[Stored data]
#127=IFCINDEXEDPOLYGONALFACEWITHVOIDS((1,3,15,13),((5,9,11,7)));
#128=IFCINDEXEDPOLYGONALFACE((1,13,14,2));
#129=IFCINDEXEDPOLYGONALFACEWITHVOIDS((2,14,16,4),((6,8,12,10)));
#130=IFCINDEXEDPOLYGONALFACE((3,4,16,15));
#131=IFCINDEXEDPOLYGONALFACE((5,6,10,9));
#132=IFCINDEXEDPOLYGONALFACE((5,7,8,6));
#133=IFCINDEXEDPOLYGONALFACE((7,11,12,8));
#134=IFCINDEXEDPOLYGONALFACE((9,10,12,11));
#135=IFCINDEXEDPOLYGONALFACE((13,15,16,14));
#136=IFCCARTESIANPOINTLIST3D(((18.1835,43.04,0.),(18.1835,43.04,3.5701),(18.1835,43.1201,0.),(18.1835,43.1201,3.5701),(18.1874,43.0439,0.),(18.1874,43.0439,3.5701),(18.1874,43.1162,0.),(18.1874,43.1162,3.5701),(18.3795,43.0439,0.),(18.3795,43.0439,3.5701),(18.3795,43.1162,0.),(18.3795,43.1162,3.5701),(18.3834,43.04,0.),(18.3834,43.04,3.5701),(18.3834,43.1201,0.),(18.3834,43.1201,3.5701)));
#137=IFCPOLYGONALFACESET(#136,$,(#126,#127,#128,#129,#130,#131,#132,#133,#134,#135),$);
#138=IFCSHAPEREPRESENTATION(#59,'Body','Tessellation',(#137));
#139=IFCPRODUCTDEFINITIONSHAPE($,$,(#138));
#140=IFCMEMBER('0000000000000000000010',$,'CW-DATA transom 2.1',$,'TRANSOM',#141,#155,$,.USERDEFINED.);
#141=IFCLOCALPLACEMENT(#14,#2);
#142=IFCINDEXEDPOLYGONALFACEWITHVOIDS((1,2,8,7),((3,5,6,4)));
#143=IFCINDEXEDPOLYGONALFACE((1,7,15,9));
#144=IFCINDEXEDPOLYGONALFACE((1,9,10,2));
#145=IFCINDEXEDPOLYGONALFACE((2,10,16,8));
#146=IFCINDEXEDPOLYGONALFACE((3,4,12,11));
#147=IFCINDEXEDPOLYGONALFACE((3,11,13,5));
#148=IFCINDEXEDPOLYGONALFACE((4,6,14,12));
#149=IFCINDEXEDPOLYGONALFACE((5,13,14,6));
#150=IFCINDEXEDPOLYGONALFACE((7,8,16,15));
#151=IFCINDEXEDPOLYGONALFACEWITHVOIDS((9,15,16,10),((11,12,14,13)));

---

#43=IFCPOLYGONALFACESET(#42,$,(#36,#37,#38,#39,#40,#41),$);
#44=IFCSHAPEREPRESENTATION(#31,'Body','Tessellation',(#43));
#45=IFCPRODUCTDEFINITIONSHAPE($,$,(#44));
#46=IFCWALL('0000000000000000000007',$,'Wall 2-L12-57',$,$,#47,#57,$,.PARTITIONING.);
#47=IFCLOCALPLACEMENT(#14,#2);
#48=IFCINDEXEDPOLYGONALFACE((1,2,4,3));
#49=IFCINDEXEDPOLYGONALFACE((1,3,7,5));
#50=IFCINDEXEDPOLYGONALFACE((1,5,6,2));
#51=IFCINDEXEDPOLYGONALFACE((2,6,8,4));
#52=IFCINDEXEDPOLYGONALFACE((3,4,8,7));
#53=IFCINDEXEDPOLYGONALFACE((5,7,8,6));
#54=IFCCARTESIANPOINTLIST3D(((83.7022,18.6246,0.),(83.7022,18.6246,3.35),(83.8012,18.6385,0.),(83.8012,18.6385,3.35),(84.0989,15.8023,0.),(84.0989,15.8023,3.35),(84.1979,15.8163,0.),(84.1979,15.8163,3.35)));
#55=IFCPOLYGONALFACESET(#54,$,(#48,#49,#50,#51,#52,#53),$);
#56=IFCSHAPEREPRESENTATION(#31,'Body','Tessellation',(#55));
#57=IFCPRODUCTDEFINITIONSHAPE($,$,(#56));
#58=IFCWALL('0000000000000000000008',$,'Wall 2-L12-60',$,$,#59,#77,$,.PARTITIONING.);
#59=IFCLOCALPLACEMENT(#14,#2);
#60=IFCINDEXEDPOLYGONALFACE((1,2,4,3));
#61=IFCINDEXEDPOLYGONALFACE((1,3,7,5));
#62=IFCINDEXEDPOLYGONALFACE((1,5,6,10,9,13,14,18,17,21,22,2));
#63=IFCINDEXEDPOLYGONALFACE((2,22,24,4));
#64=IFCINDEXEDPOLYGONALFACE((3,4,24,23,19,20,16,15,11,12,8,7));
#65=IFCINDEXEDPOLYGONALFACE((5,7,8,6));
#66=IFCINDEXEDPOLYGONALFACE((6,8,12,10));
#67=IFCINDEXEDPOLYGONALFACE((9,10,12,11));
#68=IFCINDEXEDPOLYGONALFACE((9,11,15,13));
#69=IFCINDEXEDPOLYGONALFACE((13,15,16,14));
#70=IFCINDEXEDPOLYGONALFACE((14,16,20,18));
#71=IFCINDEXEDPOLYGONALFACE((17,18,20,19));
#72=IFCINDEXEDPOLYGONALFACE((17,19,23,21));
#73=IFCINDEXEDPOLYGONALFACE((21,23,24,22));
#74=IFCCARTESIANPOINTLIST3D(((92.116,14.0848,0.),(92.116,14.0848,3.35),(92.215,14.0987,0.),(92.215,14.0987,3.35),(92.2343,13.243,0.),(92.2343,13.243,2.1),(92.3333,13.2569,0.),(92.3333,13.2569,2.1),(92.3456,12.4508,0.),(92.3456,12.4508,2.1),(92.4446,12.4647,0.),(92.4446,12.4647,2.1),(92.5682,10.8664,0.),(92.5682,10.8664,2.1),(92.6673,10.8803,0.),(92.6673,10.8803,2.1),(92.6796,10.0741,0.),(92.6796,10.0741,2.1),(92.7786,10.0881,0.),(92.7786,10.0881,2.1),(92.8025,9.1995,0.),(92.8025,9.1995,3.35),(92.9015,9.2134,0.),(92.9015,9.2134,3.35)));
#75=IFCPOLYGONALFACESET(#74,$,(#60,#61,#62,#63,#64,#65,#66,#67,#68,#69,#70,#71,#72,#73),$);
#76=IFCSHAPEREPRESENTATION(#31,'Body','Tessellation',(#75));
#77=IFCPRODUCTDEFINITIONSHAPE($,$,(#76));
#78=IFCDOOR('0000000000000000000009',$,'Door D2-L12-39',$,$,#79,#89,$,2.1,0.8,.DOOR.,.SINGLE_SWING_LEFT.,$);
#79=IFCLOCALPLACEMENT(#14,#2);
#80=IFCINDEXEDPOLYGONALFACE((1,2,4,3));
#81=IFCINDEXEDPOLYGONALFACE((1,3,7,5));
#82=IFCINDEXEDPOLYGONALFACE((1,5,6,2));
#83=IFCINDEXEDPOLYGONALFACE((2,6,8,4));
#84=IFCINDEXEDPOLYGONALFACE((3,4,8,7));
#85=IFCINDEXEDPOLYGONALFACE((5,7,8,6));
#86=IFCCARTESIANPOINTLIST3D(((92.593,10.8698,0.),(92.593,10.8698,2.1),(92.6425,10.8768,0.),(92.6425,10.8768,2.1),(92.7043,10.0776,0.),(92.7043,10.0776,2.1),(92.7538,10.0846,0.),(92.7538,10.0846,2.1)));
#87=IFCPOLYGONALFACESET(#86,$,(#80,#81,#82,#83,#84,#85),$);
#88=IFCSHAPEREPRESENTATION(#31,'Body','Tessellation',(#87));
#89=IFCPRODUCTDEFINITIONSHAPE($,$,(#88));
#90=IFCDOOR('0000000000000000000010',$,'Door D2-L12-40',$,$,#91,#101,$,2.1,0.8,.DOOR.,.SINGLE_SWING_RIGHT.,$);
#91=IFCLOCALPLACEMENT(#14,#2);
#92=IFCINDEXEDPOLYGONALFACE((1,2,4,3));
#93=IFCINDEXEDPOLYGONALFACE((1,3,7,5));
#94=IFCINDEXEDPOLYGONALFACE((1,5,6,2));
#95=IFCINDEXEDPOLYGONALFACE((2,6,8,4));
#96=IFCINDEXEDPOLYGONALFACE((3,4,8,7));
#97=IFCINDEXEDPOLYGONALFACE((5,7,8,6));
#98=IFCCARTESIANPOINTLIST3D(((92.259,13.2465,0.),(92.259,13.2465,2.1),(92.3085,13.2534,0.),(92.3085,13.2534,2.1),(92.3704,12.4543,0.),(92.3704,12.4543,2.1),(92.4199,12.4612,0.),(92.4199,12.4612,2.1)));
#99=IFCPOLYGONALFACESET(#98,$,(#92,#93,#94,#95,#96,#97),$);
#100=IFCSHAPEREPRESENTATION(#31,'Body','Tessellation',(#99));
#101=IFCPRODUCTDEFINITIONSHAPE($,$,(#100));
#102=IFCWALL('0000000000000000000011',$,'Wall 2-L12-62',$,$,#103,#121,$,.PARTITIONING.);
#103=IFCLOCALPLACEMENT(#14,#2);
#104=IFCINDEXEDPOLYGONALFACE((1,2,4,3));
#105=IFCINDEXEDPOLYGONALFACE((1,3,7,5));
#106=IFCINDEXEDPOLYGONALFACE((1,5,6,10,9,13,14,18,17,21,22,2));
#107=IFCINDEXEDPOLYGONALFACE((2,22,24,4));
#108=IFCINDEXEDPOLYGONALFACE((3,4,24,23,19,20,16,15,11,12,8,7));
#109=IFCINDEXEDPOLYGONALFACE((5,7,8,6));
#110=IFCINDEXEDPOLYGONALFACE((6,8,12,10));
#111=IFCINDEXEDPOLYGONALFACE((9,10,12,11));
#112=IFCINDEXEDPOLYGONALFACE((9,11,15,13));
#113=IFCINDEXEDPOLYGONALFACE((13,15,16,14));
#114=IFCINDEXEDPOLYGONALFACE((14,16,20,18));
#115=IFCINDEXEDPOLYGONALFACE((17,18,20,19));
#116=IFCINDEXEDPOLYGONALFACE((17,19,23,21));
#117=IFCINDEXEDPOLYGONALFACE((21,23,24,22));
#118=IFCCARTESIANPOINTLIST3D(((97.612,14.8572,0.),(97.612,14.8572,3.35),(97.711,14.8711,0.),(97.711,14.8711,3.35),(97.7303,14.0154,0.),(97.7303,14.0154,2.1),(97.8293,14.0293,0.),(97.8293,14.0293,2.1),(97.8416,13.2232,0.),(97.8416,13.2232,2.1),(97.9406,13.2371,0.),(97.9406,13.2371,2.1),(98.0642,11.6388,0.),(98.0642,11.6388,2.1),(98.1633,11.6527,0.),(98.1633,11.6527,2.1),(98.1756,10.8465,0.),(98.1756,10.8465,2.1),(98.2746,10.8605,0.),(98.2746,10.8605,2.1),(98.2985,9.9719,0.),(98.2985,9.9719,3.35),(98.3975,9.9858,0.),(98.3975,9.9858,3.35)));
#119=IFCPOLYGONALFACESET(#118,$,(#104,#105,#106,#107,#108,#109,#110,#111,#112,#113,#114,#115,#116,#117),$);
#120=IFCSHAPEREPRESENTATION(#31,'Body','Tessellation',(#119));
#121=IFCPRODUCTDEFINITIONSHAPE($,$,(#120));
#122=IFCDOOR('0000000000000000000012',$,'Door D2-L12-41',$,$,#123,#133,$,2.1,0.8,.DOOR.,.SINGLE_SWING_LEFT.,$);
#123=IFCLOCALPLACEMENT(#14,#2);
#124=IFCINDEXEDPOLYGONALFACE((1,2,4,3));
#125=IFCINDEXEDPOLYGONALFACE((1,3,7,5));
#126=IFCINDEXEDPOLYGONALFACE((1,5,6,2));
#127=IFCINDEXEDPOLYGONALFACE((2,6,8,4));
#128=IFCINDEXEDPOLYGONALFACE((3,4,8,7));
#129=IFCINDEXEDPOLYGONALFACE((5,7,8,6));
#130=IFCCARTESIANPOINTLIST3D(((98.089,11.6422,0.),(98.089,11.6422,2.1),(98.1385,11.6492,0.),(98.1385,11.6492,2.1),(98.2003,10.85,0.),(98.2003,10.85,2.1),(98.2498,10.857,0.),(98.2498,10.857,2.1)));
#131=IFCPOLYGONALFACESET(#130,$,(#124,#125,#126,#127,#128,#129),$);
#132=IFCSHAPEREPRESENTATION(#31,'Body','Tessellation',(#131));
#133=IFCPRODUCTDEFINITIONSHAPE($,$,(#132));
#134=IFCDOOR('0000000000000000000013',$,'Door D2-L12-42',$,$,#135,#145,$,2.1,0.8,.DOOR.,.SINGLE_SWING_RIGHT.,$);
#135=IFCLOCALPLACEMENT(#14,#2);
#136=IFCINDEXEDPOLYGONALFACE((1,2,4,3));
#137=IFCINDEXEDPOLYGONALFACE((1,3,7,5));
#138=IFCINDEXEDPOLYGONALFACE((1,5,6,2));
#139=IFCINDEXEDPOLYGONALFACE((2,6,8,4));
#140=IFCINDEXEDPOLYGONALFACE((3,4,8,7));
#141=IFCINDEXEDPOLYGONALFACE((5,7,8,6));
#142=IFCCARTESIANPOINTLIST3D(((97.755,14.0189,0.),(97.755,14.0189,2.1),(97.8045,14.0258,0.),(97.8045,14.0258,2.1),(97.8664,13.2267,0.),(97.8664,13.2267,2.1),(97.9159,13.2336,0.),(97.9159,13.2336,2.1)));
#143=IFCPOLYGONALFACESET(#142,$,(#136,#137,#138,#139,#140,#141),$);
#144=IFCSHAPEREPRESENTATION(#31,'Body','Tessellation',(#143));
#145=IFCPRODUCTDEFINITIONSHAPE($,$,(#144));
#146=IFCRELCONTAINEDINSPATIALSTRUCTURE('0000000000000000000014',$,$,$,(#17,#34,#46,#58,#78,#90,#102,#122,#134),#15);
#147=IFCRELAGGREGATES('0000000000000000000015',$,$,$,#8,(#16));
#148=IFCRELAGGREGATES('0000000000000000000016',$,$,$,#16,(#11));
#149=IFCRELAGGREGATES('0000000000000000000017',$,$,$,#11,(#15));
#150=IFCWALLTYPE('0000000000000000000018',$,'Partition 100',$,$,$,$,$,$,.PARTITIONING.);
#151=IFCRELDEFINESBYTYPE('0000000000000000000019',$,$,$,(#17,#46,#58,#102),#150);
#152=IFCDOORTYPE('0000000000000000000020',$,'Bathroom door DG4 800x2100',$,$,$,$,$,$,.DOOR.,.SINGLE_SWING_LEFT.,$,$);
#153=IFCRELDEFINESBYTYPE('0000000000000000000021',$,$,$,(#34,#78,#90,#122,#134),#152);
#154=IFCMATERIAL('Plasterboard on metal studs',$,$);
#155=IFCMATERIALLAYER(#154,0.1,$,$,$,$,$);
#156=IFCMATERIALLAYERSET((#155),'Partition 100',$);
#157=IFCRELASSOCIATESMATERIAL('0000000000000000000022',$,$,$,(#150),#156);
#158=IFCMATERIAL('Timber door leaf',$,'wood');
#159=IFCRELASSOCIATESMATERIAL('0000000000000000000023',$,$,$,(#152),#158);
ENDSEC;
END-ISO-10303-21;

--

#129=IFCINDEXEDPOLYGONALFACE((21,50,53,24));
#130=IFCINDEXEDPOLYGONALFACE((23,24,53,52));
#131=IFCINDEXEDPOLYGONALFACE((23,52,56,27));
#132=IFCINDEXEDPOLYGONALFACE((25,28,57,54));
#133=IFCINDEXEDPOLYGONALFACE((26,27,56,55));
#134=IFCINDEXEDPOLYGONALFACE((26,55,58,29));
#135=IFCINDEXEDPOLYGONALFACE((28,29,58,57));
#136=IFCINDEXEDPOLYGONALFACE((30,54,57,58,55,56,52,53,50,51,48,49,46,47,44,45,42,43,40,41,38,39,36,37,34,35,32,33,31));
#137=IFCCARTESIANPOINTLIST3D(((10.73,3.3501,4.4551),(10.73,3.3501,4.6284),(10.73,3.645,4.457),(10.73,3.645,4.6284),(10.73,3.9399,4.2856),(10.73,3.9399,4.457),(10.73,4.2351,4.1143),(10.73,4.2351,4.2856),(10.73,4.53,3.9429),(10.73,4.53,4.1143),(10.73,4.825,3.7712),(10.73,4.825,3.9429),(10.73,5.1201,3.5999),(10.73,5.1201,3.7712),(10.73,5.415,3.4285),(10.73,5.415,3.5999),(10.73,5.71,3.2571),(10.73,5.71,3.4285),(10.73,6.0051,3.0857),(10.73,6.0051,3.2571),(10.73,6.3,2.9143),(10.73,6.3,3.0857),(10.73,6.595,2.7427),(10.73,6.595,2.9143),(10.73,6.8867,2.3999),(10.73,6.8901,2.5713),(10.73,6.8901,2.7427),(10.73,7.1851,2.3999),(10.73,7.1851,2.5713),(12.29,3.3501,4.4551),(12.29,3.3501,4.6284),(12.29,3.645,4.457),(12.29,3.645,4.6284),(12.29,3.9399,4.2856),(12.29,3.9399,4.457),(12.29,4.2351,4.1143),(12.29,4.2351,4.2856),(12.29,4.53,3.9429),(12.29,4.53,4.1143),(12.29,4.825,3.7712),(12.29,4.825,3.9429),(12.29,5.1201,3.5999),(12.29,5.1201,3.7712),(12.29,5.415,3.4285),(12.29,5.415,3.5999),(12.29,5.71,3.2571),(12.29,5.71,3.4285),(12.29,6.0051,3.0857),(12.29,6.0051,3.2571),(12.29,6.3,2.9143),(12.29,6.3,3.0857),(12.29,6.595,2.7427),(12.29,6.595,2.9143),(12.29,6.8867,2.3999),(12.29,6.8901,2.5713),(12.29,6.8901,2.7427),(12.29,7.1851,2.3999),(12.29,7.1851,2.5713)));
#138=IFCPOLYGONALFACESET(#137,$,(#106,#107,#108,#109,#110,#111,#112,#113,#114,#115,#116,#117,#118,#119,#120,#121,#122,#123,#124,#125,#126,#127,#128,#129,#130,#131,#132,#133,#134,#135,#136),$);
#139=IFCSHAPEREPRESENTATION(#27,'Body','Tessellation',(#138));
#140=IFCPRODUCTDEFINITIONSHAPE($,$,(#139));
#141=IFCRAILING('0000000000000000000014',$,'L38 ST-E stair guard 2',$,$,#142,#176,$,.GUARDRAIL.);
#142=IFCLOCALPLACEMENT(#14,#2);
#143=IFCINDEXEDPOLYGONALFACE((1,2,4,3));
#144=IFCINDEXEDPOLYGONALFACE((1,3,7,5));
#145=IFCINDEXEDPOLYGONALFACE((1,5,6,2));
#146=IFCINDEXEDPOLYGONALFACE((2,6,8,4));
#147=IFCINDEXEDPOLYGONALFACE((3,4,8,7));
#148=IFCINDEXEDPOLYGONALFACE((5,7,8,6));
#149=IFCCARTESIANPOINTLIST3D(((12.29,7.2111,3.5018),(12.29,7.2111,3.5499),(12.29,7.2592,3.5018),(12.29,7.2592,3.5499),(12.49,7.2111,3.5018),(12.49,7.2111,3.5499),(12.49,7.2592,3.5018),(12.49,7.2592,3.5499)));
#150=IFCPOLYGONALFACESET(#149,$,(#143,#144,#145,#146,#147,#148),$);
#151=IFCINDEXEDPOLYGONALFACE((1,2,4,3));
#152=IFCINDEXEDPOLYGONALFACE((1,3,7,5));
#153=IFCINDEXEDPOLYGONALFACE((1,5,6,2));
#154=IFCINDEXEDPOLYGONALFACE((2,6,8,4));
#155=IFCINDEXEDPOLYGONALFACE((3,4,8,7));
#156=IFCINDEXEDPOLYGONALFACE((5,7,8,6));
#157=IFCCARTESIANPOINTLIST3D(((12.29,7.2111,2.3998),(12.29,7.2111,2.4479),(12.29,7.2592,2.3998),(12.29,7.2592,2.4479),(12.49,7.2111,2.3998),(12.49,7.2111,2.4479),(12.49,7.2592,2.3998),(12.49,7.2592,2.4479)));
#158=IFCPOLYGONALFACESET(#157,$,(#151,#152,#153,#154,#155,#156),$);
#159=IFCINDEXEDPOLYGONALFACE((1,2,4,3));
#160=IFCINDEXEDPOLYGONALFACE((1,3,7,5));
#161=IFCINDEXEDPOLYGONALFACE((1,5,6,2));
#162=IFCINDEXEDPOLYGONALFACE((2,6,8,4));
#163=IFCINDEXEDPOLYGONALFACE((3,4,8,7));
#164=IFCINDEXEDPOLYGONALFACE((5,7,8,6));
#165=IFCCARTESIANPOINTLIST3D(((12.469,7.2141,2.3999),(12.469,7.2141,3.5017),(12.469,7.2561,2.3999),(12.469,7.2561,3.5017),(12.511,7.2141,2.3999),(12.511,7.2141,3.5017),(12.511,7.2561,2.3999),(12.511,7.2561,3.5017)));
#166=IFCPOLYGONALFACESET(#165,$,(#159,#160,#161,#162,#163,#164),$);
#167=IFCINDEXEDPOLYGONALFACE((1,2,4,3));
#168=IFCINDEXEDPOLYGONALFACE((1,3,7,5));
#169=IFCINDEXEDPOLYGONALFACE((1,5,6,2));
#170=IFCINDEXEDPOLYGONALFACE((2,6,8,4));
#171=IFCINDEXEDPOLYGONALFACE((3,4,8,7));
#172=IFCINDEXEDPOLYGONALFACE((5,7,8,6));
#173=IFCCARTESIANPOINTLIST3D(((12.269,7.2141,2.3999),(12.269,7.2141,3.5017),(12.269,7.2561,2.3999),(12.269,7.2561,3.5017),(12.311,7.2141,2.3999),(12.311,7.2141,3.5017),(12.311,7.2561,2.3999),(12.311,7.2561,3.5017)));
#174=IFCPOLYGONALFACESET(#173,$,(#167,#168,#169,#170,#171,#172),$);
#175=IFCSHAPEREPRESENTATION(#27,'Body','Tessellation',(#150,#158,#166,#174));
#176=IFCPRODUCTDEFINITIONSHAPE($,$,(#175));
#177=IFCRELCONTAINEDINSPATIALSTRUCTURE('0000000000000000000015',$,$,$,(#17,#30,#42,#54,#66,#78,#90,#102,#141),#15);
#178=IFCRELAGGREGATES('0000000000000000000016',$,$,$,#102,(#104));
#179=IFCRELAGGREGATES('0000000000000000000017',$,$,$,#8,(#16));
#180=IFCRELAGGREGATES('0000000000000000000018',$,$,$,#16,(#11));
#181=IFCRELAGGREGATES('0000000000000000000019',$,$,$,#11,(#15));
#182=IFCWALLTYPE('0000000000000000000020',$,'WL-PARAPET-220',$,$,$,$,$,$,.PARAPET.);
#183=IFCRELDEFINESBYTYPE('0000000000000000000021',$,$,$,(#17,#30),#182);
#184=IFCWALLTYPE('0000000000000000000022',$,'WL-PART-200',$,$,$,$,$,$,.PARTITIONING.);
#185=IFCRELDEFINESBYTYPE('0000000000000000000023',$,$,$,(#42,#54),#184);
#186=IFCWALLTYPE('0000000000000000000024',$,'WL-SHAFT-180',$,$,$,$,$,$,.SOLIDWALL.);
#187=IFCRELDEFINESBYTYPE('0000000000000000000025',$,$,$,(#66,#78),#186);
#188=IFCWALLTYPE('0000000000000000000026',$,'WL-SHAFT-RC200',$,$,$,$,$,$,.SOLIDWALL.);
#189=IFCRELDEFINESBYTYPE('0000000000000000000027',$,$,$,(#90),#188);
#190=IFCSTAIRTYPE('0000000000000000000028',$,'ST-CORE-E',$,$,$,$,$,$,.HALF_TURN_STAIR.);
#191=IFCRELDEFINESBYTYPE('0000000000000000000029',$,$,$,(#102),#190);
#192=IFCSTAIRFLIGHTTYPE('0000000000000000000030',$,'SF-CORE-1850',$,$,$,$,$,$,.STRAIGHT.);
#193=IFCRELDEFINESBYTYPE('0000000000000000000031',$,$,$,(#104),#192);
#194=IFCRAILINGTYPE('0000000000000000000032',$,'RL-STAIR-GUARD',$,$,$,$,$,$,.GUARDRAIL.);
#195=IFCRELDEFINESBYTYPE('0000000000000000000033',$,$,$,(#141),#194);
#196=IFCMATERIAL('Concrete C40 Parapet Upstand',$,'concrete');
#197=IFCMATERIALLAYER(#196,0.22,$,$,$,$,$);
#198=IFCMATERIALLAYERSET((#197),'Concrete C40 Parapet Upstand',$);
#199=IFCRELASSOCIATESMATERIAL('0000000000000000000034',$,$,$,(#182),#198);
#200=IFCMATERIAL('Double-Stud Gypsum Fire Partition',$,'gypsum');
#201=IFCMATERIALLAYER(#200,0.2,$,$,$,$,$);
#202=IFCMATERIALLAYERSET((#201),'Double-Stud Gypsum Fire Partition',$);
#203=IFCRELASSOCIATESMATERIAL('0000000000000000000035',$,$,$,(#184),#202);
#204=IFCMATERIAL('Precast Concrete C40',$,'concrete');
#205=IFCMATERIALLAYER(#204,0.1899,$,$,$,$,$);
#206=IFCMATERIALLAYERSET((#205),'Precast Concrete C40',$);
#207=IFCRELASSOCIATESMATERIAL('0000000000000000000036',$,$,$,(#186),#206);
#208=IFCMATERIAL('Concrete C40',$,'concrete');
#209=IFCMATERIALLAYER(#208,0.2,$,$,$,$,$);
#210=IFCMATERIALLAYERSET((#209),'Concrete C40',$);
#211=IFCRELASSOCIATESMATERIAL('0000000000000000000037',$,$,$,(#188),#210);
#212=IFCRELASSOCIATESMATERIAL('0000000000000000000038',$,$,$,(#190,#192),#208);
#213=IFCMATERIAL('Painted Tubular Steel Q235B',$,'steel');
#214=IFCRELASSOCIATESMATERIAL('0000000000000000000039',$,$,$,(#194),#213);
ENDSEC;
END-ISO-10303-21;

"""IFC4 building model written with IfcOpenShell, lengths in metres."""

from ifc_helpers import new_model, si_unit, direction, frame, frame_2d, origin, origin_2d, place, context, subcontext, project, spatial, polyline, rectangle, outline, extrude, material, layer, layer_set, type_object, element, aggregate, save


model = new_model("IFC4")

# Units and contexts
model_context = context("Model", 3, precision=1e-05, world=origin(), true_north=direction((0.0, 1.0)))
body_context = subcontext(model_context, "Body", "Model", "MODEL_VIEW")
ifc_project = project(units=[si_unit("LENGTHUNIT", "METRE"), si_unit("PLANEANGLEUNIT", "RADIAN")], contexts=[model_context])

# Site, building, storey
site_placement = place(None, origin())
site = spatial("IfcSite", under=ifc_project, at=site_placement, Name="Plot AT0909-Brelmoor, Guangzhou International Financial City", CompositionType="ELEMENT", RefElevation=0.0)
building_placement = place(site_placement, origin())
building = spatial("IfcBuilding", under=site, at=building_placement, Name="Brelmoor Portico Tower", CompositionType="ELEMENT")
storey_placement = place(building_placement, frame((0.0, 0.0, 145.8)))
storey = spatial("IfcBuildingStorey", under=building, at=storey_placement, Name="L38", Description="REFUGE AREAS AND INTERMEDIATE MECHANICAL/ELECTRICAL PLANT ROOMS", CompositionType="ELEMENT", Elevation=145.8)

(GOAL OF THE EXERCISE)
From the line that has "#148=IFCINDEXEDPOLYGONALFACE((5,7,8,6));" through the line that has "#151=IFCINDEXEDPOLYGONALFACE((1,2,4,3));", copy every line exactly as it appears above, and leave out all others.

(ANSWER AREA)
#148=IFCINDEXEDPOLYGONALFACE((5,7,8,6));
#149=IFCCARTESIANPOINTLIST3D(((12.29,7.2111,3.5018),(12.29,7.2111,3.5499),(12.29,7.2592,3.5018),(12.29,7.2592,3.5499),(12.49,7.2111,3.5018),(12.49,7.2111,3.5499),(12.49,7.2592,3.5018),(12.49,7.2592,3.5499)));
#150=IFCPOLYGONALFACESET(#149,$,(#143,#144,#145,#146,#147,#148),$);
#151=IFCINDEXEDPOLYGONALFACE((1,2,4,3));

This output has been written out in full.